** Extracted data **
* * * *
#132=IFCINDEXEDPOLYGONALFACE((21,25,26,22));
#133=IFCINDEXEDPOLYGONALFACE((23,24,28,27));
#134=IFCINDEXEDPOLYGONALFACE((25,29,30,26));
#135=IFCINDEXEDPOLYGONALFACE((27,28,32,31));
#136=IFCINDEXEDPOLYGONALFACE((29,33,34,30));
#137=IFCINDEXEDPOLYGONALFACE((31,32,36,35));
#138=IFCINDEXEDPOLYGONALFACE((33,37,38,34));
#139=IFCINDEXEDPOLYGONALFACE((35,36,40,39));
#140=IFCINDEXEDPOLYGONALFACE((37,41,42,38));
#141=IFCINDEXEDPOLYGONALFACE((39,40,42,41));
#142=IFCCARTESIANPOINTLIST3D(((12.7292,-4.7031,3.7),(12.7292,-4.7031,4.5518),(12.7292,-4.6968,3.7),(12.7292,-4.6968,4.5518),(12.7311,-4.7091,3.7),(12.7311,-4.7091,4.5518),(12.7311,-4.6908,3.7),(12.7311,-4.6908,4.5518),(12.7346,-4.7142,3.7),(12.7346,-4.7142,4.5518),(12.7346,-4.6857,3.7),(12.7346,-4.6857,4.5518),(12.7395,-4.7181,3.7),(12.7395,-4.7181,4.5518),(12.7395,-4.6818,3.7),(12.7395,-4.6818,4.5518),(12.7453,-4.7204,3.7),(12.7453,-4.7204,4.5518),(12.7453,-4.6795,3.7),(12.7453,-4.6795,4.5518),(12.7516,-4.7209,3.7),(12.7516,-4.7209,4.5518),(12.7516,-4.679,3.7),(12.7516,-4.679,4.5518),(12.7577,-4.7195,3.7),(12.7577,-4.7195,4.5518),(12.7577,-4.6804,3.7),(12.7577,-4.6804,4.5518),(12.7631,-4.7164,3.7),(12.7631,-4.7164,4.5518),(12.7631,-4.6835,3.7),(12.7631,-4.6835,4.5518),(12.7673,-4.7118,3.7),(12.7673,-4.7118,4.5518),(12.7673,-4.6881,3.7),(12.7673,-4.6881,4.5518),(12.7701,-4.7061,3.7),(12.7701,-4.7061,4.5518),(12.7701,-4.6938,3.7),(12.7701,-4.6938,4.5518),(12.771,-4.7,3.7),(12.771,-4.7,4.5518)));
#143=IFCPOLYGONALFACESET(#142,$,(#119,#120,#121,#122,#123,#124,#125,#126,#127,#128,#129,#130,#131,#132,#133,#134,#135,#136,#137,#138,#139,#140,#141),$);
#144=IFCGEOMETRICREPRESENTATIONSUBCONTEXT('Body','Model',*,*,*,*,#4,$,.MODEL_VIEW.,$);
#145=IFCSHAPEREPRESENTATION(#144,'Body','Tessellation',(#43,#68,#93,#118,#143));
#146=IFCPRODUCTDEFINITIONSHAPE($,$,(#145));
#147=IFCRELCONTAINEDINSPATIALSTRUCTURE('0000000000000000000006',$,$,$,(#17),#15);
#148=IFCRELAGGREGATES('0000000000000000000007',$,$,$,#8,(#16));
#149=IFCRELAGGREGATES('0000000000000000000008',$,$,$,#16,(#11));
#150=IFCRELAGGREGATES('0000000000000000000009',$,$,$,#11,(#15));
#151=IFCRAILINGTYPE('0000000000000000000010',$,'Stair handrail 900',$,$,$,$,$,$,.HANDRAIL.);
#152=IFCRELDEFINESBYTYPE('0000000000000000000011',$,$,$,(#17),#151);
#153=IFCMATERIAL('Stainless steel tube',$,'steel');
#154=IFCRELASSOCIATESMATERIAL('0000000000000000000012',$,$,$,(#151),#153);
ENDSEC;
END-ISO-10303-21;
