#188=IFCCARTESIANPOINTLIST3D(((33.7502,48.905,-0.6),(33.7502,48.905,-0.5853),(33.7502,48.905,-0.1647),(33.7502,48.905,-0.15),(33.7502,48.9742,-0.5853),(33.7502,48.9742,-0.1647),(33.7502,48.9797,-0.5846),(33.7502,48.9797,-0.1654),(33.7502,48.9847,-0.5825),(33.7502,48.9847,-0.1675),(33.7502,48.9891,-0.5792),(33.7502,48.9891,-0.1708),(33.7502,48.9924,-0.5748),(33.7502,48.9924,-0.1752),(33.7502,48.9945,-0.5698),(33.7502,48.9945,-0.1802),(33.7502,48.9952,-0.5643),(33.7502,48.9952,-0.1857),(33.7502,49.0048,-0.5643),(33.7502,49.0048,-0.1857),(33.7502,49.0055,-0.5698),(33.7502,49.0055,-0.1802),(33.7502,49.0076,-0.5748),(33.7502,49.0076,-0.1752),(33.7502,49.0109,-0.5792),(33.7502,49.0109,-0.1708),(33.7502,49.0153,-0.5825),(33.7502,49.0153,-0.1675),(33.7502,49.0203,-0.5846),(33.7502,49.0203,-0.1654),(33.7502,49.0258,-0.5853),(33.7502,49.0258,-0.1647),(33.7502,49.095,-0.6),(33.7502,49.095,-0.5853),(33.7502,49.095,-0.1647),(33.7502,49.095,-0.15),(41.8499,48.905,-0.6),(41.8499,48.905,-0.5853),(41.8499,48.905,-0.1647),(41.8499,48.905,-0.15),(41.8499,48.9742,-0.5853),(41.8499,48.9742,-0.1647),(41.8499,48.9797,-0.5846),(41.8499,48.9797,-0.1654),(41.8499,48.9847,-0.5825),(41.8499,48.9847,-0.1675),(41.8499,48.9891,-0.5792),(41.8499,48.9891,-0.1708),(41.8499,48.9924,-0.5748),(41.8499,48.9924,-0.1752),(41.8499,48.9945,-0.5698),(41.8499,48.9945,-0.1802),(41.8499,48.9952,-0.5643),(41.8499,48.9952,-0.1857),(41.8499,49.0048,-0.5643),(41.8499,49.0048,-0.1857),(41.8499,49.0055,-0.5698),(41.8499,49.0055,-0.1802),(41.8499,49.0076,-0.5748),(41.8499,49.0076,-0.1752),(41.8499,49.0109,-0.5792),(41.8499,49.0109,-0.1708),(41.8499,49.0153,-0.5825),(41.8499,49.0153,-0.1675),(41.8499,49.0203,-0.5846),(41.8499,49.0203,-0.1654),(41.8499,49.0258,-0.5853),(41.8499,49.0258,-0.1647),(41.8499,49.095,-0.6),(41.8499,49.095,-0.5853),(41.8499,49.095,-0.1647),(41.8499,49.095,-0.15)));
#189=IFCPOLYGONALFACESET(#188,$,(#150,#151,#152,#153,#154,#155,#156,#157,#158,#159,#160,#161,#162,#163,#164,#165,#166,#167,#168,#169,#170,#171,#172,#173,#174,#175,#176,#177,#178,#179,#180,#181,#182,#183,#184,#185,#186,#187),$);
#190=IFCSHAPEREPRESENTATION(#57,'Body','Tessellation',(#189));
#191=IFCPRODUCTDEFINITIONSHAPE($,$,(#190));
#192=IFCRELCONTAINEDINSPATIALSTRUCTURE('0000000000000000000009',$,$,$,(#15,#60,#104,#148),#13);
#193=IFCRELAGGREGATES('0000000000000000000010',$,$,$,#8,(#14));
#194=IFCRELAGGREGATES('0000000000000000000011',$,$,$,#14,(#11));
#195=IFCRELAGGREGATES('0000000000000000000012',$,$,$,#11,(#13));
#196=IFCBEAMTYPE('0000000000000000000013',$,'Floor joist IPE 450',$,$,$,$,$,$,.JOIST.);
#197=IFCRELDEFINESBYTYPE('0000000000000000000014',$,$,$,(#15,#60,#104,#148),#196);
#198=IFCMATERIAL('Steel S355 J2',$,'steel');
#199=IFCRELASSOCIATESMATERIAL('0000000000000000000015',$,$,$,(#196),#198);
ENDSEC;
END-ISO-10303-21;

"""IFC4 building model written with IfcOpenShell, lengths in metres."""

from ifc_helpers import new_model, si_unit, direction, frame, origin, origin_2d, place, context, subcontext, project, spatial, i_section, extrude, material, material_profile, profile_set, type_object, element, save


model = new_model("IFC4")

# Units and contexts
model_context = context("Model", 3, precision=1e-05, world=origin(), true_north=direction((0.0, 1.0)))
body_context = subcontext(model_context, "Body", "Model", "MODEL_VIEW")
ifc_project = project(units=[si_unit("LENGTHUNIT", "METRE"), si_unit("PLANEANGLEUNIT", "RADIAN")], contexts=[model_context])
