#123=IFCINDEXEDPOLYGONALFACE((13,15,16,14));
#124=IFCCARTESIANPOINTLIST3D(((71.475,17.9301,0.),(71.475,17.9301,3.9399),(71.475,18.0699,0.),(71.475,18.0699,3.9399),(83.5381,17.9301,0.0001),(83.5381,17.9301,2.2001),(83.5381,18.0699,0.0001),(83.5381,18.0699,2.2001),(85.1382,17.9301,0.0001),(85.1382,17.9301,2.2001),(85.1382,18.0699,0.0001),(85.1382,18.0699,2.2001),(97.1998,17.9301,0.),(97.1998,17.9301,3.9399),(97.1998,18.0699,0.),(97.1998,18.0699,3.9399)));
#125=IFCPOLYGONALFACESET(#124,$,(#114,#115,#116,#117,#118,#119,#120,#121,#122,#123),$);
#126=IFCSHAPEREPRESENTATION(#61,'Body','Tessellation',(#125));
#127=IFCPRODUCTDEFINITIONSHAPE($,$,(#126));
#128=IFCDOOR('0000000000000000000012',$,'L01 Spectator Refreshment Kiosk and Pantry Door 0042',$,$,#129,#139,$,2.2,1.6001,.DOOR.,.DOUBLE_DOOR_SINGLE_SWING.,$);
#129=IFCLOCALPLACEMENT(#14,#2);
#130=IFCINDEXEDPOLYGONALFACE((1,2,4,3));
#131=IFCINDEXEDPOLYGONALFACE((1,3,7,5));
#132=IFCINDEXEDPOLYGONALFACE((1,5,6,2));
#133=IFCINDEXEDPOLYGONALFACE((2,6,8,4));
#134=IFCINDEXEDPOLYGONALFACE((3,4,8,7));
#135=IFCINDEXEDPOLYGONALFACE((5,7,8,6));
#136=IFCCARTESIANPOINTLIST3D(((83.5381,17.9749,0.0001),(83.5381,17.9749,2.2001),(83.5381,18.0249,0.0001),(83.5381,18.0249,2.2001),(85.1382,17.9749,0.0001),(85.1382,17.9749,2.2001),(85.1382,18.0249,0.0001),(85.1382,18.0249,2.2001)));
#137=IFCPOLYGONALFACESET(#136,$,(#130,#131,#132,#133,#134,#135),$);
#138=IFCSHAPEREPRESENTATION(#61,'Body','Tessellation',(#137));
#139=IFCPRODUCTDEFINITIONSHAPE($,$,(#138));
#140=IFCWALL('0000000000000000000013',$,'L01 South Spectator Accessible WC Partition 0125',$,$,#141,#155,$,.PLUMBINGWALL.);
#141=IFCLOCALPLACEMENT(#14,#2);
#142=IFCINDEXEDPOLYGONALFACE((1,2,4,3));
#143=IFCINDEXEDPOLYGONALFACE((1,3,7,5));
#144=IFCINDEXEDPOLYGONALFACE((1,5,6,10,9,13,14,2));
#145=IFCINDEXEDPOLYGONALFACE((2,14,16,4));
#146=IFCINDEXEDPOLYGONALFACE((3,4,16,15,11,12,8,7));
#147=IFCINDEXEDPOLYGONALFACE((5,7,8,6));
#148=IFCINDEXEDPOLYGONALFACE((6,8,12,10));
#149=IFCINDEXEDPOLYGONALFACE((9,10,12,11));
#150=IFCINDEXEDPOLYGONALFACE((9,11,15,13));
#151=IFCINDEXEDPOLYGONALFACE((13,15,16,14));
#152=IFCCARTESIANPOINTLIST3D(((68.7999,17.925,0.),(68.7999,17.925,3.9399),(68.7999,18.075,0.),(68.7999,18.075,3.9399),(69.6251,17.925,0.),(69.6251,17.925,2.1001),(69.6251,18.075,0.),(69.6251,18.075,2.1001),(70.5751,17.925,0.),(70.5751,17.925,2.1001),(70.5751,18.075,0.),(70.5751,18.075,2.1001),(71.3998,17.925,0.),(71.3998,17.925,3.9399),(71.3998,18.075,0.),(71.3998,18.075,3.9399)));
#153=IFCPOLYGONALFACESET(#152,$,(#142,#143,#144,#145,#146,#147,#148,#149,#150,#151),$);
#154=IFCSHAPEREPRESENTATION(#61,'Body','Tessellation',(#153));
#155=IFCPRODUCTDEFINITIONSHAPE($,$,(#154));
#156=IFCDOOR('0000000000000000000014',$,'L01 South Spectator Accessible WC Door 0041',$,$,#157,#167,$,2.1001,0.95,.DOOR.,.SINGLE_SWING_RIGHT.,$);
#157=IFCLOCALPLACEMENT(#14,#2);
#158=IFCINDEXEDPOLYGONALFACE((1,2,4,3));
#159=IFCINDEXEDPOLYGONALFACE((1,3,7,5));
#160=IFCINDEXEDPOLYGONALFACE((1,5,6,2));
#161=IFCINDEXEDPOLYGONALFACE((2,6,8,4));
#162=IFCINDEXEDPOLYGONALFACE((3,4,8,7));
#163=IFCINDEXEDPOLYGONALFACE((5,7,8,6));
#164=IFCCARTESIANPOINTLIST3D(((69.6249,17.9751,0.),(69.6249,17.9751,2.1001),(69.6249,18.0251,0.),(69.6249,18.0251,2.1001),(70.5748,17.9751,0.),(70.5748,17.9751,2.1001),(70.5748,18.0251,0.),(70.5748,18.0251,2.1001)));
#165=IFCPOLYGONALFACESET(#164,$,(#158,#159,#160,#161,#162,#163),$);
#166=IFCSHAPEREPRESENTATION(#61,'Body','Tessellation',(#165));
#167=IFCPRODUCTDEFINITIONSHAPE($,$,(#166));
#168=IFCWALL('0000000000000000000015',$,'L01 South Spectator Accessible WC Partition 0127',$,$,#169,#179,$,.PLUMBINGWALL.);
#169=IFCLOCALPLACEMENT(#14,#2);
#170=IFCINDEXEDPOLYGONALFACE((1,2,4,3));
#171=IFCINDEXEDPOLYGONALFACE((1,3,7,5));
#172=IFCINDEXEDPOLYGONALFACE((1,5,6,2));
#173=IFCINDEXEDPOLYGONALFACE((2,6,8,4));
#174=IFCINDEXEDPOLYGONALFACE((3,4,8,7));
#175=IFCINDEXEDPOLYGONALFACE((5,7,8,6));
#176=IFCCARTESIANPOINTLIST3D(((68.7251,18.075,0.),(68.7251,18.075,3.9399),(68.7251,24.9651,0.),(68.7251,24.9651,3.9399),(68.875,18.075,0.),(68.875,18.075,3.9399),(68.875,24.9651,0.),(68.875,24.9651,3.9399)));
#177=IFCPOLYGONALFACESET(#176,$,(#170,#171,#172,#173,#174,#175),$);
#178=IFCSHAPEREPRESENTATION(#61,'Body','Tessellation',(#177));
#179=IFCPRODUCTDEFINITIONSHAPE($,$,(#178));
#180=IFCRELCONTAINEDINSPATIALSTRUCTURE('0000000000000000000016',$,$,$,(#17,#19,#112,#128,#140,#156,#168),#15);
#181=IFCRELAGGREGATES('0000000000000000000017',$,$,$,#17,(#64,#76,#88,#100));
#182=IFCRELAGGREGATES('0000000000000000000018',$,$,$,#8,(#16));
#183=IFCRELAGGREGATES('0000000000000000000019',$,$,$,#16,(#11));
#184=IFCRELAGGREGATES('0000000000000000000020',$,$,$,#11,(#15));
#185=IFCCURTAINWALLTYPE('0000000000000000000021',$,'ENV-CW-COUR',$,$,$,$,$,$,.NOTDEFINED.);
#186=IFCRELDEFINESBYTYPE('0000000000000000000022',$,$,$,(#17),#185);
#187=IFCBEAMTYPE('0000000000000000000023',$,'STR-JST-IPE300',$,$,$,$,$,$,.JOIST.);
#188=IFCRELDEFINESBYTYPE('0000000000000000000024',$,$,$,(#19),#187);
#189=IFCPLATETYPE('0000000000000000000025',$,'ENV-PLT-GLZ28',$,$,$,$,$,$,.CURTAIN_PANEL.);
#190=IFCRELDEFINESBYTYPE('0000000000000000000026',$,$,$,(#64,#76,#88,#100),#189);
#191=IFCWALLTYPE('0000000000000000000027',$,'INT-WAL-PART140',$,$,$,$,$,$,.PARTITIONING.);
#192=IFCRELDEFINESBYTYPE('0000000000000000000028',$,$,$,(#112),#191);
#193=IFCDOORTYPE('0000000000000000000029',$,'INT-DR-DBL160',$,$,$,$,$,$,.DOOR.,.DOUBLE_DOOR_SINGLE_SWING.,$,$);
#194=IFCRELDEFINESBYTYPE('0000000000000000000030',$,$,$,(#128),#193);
* * * *
** Task requirements **
Copy all lines from the material that contain "IFCPOLYGONALFACESET".

** Exercise output **
#143=IFCPOLYGONALFACESET(#142,$,(#119,#120,#121,#122,#123,#124,#125,#126,#127,#128,#129,#130,#131,#132,#133,#134,#135,#136,#137,#138,#139,#140,#141),$);
#189=IFCPOLYGONALFACESET(#188,$,(#150,#151,#152,#153,#154,#155,#156,#157,#158,#159,#160,#161,#162,#163,#164,#165,#166,#167,#168,#169,#170,#171,#172,#173,#174,#175,#176,#177,#178,#179,#180,#181,#182,#183,#184,#185,#186,#187),$);
#125=IFCPOLYGONALFACESET(#124,$,(#114,#115,#116,#117,#118,#119,#120,#121,#122,#123),$);
#137=IFCPOLYGONALFACESET(#136,$,(#130,#131,#132,#133,#134,#135),$);
#153=IFCPOLYGONALFACESET(#152,$,(#142,#143,#144,#145,#146,#147,#148,#149,#150,#151),$);
#165=IFCPOLYGONALFACESET(#164,$,(#158,#159,#160,#161,#162,#163),$);
#177=IFCPOLYGONALFACESET(#176,$,(#170,#171,#172,#173,#174,#175),$);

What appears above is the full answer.